Task directions:
Give back an exact copy of the lines from the start of the material through the line bearing "14.7341, 0.0), z_axis=(0.0, 0.0, 1.0), x_axis=(1.0, 0.0, 0.0)))". Include both ends and nothing else.

Data for this task:
____
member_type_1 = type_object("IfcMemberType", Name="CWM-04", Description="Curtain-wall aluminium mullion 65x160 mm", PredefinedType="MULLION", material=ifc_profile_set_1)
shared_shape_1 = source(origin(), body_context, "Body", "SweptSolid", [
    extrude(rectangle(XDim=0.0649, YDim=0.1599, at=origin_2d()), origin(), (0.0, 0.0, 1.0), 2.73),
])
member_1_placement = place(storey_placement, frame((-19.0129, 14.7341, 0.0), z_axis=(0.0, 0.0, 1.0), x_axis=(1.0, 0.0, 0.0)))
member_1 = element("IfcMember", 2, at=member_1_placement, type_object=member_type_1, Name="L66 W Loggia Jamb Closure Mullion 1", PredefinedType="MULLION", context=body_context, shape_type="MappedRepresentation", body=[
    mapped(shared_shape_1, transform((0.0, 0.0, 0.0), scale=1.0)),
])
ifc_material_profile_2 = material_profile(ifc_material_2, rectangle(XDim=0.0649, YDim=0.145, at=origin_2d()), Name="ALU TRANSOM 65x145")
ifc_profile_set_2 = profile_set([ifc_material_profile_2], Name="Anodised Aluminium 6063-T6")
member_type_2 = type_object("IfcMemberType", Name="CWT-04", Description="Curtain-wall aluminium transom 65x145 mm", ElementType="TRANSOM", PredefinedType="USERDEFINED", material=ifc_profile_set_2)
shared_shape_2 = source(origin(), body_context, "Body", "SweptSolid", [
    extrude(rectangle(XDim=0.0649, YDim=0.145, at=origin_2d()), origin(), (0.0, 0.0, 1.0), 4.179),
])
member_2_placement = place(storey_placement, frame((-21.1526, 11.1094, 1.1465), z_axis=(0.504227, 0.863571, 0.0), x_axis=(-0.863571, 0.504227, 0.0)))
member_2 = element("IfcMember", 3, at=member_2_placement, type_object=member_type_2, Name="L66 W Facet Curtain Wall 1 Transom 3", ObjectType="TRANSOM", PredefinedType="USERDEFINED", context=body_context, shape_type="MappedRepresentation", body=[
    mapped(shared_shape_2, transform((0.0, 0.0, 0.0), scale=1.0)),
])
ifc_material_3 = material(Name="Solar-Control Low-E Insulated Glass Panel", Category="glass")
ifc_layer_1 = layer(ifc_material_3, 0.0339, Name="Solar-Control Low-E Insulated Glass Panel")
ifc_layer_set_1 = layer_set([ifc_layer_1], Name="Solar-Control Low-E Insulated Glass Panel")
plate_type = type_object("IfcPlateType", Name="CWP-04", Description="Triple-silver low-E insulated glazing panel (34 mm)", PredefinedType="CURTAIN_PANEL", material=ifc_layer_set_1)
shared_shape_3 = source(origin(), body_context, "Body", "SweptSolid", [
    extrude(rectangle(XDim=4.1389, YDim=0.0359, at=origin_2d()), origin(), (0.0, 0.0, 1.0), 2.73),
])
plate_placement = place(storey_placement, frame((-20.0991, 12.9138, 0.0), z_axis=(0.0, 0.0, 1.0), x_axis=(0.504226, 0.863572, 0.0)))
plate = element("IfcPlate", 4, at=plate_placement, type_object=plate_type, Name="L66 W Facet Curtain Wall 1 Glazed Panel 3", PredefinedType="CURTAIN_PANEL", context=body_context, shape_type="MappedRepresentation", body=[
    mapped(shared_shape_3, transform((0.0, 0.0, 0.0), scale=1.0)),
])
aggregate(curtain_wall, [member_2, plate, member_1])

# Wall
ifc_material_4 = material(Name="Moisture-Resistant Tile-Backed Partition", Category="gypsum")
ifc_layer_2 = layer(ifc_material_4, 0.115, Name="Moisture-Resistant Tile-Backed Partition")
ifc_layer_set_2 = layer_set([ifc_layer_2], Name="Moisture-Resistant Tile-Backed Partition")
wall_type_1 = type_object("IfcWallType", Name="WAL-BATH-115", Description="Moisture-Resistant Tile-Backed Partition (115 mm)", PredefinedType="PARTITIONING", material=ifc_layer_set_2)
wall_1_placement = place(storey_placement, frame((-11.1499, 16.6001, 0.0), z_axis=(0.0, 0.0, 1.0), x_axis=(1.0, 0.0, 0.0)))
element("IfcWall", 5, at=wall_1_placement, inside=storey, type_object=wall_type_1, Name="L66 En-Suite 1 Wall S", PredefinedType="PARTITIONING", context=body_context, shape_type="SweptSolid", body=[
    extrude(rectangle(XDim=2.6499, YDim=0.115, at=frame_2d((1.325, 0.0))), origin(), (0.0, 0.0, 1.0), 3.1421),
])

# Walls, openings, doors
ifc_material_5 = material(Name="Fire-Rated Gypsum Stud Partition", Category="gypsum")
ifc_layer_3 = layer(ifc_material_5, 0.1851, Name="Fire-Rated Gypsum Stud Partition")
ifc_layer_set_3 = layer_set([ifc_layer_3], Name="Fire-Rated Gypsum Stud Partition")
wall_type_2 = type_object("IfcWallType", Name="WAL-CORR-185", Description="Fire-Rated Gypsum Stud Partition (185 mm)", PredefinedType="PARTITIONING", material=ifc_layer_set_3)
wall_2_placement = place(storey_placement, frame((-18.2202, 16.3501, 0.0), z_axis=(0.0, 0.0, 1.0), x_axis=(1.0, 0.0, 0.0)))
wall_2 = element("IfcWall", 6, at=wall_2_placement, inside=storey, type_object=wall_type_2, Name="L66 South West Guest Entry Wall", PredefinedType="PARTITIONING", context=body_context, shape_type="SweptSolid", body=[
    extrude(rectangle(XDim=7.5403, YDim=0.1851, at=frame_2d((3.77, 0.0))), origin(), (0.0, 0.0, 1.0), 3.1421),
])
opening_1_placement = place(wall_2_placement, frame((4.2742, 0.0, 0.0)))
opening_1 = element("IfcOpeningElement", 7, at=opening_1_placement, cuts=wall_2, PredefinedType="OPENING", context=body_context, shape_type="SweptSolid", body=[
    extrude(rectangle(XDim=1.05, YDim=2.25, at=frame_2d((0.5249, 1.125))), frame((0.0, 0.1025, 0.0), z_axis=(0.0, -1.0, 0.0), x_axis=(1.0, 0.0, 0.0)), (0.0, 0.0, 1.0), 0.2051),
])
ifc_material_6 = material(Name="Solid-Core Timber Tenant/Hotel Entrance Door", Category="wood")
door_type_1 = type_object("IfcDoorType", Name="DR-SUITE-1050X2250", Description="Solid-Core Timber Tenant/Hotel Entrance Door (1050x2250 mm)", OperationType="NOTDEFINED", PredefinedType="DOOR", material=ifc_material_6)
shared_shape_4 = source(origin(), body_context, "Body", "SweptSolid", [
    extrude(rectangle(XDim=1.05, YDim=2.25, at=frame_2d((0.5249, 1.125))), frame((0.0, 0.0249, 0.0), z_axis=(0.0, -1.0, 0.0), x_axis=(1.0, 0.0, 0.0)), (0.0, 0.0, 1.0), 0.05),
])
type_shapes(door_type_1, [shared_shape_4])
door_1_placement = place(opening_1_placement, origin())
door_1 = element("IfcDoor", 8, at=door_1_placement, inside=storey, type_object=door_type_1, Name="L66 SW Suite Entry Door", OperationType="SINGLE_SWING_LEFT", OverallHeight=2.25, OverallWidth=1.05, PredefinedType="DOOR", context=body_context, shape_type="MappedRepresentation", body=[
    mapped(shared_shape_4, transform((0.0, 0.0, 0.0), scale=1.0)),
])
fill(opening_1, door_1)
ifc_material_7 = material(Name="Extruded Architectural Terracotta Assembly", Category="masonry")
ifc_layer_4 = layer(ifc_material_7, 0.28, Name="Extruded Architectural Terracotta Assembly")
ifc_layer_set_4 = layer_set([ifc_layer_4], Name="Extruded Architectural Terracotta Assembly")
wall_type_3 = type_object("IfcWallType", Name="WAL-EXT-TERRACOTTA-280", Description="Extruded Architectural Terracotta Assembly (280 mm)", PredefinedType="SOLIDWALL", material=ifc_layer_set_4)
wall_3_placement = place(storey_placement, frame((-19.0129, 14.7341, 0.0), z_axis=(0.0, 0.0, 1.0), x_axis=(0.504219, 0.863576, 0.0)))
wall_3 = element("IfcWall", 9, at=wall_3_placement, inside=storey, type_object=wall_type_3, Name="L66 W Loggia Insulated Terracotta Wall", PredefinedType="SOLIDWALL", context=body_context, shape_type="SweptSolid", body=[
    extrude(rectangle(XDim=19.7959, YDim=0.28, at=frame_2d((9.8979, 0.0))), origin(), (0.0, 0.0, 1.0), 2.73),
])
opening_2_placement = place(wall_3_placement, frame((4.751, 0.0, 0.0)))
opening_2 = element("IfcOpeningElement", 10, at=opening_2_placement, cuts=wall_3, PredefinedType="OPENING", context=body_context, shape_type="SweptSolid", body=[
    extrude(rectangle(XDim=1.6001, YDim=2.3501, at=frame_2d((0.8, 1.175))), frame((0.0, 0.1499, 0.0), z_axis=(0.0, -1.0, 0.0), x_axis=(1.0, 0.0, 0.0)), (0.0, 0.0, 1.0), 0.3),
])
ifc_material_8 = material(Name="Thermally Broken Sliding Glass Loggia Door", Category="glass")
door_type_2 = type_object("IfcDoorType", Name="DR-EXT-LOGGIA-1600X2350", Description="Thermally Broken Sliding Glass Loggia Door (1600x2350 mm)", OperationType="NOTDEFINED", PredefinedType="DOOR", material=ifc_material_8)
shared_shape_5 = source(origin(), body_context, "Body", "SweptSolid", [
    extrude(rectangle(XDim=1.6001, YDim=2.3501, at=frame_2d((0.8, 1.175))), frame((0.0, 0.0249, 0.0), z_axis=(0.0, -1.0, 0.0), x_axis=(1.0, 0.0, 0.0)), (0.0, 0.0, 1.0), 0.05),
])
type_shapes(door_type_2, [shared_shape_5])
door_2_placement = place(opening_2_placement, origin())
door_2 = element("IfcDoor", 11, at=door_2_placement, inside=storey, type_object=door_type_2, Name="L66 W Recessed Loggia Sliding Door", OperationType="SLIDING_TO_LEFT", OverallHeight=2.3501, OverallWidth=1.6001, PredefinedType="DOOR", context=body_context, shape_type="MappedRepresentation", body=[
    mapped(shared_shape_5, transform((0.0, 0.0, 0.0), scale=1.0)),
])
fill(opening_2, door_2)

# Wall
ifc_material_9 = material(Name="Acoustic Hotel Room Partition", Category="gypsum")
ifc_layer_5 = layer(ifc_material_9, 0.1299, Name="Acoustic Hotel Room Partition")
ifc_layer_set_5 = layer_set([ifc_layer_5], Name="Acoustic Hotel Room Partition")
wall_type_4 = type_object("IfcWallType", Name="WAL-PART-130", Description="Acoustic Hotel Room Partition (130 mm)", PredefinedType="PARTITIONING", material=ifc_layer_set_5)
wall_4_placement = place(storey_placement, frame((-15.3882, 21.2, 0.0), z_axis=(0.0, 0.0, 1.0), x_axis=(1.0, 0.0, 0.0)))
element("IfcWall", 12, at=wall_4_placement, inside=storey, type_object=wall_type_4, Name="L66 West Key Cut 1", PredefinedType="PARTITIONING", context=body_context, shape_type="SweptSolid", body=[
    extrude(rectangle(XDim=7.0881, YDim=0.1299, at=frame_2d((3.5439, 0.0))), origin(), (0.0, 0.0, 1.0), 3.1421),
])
____
Exercise output:
member_type_1 = type_object("IfcMemberType", Name="CWM-04", Description="Curtain-wall aluminium mullion 65x160 mm", PredefinedType="MULLION", material=ifc_profile_set_1)
shared_shape_1 = source(origin(), body_context, "Body", "SweptSolid", [
    extrude(rectangle(XDim=0.0649, YDim=0.1599, at=origin_2d()), origin(), (0.0, 0.0, 1.0), 2.73),
])
member_1_placement = place(storey_placement, frame((-19.0129, 14.7341, 0.0), z_axis=(0.0, 0.0, 1.0), x_axis=(1.0, 0.0, 0.0)))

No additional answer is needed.